**THE TASK**
Exactly the lines from the start of the data through the line containing "#30=IFCINDEXEDPOLYGONALFACE((9,29,30,10));" should be output, with both ends kept and nothing added.

**DATA RECORDS**
- - - - - - -
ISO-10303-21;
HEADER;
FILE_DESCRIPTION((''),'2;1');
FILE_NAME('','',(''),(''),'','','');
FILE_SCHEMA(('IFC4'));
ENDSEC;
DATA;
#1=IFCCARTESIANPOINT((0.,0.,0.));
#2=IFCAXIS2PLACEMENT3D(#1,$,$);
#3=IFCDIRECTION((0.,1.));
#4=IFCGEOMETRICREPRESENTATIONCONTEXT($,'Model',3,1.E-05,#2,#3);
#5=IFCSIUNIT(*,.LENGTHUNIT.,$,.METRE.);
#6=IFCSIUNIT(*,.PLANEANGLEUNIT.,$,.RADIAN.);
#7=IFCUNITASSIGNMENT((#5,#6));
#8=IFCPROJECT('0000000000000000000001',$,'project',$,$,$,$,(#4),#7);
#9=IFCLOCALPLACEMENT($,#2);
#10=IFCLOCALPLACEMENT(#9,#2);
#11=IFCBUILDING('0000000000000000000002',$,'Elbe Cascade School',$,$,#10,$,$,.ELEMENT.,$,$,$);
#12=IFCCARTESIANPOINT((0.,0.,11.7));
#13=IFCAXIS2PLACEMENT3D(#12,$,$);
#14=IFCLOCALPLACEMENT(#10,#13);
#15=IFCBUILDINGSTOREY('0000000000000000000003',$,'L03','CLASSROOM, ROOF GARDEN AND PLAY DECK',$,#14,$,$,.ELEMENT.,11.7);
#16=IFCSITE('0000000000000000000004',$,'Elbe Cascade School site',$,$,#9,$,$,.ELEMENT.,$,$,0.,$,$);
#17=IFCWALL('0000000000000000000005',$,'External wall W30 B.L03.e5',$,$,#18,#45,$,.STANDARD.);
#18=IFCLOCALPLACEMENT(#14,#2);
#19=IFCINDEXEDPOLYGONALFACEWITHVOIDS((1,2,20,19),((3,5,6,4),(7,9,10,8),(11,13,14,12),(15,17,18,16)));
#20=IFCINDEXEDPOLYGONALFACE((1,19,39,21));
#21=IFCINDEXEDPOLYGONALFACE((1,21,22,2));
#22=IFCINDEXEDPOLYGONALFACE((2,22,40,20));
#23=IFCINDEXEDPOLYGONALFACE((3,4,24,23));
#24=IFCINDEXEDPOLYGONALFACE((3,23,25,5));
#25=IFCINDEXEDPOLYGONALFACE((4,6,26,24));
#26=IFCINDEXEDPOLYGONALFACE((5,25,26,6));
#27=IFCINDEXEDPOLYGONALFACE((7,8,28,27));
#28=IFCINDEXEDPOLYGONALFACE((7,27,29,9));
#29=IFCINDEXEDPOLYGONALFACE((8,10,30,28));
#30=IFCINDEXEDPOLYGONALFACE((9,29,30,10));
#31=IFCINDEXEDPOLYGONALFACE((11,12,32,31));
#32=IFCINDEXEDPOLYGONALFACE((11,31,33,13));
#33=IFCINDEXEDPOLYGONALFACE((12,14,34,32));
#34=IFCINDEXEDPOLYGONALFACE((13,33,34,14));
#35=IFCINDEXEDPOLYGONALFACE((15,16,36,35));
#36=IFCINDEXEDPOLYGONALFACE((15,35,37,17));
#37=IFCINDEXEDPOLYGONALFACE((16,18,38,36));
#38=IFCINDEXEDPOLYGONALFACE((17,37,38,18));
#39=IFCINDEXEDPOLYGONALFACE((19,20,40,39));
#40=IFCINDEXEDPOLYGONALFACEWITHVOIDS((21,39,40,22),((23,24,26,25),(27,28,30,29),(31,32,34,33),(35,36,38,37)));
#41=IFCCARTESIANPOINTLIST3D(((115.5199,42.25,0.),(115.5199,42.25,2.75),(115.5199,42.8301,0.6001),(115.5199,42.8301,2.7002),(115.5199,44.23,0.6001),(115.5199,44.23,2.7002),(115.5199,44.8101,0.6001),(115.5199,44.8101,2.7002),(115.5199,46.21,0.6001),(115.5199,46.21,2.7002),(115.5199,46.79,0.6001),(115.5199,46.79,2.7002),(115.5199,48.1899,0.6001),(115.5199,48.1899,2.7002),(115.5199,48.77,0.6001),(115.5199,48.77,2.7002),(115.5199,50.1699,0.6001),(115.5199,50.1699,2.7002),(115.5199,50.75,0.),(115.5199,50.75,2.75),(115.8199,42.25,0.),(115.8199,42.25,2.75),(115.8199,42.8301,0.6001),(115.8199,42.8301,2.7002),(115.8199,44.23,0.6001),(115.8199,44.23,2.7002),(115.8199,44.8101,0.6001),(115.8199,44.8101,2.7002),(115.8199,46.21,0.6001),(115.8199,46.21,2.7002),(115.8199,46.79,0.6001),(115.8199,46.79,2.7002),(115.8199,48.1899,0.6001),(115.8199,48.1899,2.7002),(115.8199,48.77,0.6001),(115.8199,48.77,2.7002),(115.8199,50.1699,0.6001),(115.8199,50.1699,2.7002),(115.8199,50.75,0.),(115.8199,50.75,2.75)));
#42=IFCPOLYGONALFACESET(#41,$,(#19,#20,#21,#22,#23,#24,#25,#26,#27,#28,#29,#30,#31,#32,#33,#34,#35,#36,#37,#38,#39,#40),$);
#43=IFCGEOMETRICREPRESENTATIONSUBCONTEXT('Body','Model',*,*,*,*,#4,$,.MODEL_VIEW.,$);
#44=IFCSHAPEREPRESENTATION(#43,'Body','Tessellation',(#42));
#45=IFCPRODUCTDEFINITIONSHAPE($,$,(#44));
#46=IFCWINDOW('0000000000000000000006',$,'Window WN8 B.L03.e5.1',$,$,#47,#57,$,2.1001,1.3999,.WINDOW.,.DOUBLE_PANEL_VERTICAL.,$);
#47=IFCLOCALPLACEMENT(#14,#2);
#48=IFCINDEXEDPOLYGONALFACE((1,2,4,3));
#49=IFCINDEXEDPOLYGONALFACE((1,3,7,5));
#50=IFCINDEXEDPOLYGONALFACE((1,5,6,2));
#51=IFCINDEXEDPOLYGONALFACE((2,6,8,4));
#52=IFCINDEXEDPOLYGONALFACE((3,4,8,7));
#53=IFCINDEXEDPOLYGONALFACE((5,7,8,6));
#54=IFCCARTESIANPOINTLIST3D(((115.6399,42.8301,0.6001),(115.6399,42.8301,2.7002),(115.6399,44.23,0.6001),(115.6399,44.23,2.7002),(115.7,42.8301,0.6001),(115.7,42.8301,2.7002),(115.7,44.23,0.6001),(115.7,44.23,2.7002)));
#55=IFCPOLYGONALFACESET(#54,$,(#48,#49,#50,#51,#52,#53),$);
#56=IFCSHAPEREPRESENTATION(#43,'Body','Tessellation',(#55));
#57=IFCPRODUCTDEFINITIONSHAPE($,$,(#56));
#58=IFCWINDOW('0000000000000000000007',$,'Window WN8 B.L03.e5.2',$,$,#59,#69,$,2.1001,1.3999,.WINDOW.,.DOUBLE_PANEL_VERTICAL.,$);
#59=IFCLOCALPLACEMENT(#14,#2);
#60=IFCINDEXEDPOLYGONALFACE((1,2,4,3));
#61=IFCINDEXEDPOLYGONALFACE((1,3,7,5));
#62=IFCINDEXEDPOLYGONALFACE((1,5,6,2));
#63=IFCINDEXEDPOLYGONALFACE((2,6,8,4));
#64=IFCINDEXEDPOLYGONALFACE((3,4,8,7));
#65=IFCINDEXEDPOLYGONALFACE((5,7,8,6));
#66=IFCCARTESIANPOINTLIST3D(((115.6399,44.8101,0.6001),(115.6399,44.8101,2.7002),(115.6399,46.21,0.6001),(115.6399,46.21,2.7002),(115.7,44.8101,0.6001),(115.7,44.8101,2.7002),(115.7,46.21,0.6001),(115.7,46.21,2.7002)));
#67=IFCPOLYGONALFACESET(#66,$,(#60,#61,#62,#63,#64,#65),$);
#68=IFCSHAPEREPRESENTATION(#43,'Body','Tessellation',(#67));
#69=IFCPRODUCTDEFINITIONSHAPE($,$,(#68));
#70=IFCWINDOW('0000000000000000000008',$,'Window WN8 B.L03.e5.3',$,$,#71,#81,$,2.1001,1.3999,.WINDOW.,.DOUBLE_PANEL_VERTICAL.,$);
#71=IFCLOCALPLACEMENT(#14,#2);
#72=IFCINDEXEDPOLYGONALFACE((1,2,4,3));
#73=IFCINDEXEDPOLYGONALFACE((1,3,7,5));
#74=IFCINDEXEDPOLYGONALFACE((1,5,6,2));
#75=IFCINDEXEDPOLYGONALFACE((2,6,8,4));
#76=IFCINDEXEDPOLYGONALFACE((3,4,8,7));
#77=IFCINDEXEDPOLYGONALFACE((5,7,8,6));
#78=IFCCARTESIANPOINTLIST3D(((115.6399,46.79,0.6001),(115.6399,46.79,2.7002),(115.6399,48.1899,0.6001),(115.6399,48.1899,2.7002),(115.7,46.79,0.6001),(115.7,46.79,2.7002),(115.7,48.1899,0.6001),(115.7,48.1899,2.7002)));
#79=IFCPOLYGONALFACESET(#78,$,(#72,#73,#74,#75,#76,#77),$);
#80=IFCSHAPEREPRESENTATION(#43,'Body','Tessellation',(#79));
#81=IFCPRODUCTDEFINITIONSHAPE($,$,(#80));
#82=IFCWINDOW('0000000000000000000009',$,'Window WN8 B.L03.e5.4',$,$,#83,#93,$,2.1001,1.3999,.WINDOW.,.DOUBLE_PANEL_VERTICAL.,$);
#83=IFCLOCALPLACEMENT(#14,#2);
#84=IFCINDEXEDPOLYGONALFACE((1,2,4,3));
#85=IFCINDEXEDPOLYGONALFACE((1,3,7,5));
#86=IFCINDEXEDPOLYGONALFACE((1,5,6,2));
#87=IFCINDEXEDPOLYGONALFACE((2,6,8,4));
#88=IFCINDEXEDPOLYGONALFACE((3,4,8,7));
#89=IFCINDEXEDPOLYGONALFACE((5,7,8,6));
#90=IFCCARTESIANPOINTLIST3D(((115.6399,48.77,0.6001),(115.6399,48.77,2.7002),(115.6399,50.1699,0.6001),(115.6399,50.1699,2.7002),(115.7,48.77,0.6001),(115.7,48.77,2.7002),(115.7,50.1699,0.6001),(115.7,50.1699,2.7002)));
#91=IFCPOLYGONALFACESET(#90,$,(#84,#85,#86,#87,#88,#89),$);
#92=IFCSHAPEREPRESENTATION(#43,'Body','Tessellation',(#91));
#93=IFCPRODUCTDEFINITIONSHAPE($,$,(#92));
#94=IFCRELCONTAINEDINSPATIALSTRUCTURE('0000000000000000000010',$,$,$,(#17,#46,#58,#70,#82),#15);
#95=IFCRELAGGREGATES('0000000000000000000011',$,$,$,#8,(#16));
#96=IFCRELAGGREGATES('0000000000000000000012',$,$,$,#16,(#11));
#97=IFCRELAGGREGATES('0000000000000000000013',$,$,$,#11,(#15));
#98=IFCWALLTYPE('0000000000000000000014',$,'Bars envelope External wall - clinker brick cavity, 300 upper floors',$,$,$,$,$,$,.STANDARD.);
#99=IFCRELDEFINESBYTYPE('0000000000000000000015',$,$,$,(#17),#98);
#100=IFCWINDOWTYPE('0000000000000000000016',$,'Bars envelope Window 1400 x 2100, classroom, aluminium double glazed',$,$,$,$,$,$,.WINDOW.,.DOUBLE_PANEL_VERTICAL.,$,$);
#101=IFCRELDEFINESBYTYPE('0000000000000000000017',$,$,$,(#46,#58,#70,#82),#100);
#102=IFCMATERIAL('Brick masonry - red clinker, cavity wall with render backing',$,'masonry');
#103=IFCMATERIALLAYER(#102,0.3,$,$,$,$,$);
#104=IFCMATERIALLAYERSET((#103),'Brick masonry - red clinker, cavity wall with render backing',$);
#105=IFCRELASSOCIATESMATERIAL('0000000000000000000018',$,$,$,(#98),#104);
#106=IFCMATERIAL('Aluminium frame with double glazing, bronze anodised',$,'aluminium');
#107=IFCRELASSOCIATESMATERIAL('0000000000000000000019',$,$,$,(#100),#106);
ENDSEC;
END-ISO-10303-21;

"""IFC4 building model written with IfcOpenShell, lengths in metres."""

from ifc_helpers import new_model, si_unit, direction, frame, frame_2d, origin, place, context, subcontext, project, spatial, rectangle, extrude, material, layer, layer_set, type_object, element, fill, save


model = new_model("IFC4")

# Units and contexts
model_context = context("Model", 3, precision=1e-05, world=origin(), true_north=direction((0.0, 1.0)))
body_context = subcontext(model_context, "Body", "Model", "MODEL_VIEW")
ifc_project = project(units=[si_unit("LENGTHUNIT", "METRE"), si_unit("PLANEANGLEUNIT", "RADIAN")], contexts=[model_context])

# Site, building, storey
site_placement = place(None, origin())
site = spatial("IfcSite", under=ifc_project, at=site_placement, Name="Elbe Cascade School site", CompositionType="ELEMENT", RefElevation=0.0)
building_placement = place(site_placement, origin())
building = spatial("IfcBuilding", under=site, at=building_placement, Name="Elbe Cascade School", CompositionType="ELEMENT")
storey_placement = place(building_placement, frame((0.0, 0.0, 11.7)))
storey = spatial("IfcBuildingStorey", under=building, at=storey_placement, Name="L03", Description="CLASSROOM, ROOF GARDEN AND PLAY DECK", CompositionType="ELEMENT", Elevation=11.7)

# Wall, openings, windows
ifc_material_1 = material(Name="Brick masonry - red clinker, cavity wall with render backing", Category="masonry")
ifc_layer_1 = layer(ifc_material_1, 0.3)
ifc_layer_set_1 = layer_set([ifc_layer_1], Name="Brick masonry - red clinker, cavity wall with render backing")
wall_type_1 = type_object("IfcWallType", Name="Bars envelope External wall - clinker brick cavity, 300 upper floors", PredefinedType="STANDARD", material=ifc_layer_set_1)
ifc_material_2 = material(Name="Aluminium frame with double glazing, bronze anodised", Category="aluminium")
window_type = type_object("IfcWindowType", Name="Bars envelope Window 1400 x 2100, classroom, aluminium double glazed", PartitioningType="DOUBLE_PANEL_VERTICAL", PredefinedType="WINDOW", material=ifc_material_2)
wall_1_placement = place(storey_placement, frame((115.6699, 50.75, 0.0), z_axis=(0.0, 0.0, 1.0), x_axis=(0.0, -1.0, 0.0)))
wall_1 = element("IfcWall", 1, at=wall_1_placement, inside=storey, type_object=wall_type_1, Name="External wall W30 B.L03.e5", PredefinedType="STANDARD", context=body_context, shape_type="SweptSolid", body=[
    extrude(rectangle(XDim=8.5, YDim=0.3, at=frame_2d((4.25, 0.0))), origin(), (0.0, 0.0, 1.0), 2.75),
])
opening_1_placement = place(wall_1_placement, frame((6.52, 0.0, 0.6001)))
opening_1 = element("IfcOpeningElement", 2, at=opening_1_placement, cuts=wall_1, PredefinedType="OPENING", context=body_context, shape_type="SweptSolid", body=[
    extrude(rectangle(XDim=1.3999, YDim=2.1001, at=frame_2d((0.7, 1.05))), frame((0.0, 0.1599, 0.0), z_axis=(0.0, -1.0, 0.0), x_axis=(1.0, 0.0, 0.0)), (0.0, 0.0, 1.0), 0.3201),
])
opening_2_placement = place(wall_1_placement, frame((4.54, 0.0, 0.6001)))
opening_2 = element("IfcOpeningElement", 3, at=opening_2_placement, cuts=wall_1, PredefinedType="OPENING", context=body_context, shape_type="SweptSolid", body=[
- - - - - - -
**ANSWER AREA**
ISO-10303-21;
HEADER;
FILE_DESCRIPTION((''),'2;1');
FILE_NAME('','',(''),(''),'','','');
FILE_SCHEMA(('IFC4'));
ENDSEC;
DATA;
#1=IFCCARTESIANPOINT((0.,0.,0.));
#2=IFCAXIS2PLACEMENT3D(#1,$,$);
#3=IFCDIRECTION((0.,1.));
#4=IFCGEOMETRICREPRESENTATIONCONTEXT($,'Model',3,1.E-05,#2,#3);
#5=IFCSIUNIT(*,.LENGTHUNIT.,$,.METRE.);
#6=IFCSIUNIT(*,.PLANEANGLEUNIT.,$,.RADIAN.);
#7=IFCUNITASSIGNMENT((#5,#6));
#8=IFCPROJECT('0000000000000000000001',$,'project',$,$,$,$,(#4),#7);
#9=IFCLOCALPLACEMENT($,#2);
#10=IFCLOCALPLACEMENT(#9,#2);
#11=IFCBUILDING('0000000000000000000002',$,'Elbe Cascade School',$,$,#10,$,$,.ELEMENT.,$,$,$);
#12=IFCCARTESIANPOINT((0.,0.,11.7));
#13=IFCAXIS2PLACEMENT3D(#12,$,$);
#14=IFCLOCALPLACEMENT(#10,#13);
#15=IFCBUILDINGSTOREY('0000000000000000000003',$,'L03','CLASSROOM, ROOF GARDEN AND PLAY DECK',$,#14,$,$,.ELEMENT.,11.7);
#16=IFCSITE('0000000000000000000004',$,'Elbe Cascade School site',$,$,#9,$,$,.ELEMENT.,$,$,0.,$,$);
#17=IFCWALL('0000000000000000000005',$,'External wall W30 B.L03.e5',$,$,#18,#45,$,.STANDARD.);
#18=IFCLOCALPLACEMENT(#14,#2);
#19=IFCINDEXEDPOLYGONALFACEWITHVOIDS((1,2,20,19),((3,5,6,4),(7,9,10,8),(11,13,14,12),(15,17,18,16)));
#20=IFCINDEXEDPOLYGONALFACE((1,19,39,21));
#21=IFCINDEXEDPOLYGONALFACE((1,21,22,2));
#22=IFCINDEXEDPOLYGONALFACE((2,22,40,20));
#23=IFCINDEXEDPOLYGONALFACE((3,4,24,23));
#24=IFCINDEXEDPOLYGONALFACE((3,23,25,5));
#25=IFCINDEXEDPOLYGONALFACE((4,6,26,24));
#26=IFCINDEXEDPOLYGONALFACE((5,25,26,6));
#27=IFCINDEXEDPOLYGONALFACE((7,8,28,27));
#28=IFCINDEXEDPOLYGONALFACE((7,27,29,9));
#29=IFCINDEXEDPOLYGONALFACE((8,10,30,28));
#30=IFCINDEXEDPOLYGONALFACE((9,29,30,10));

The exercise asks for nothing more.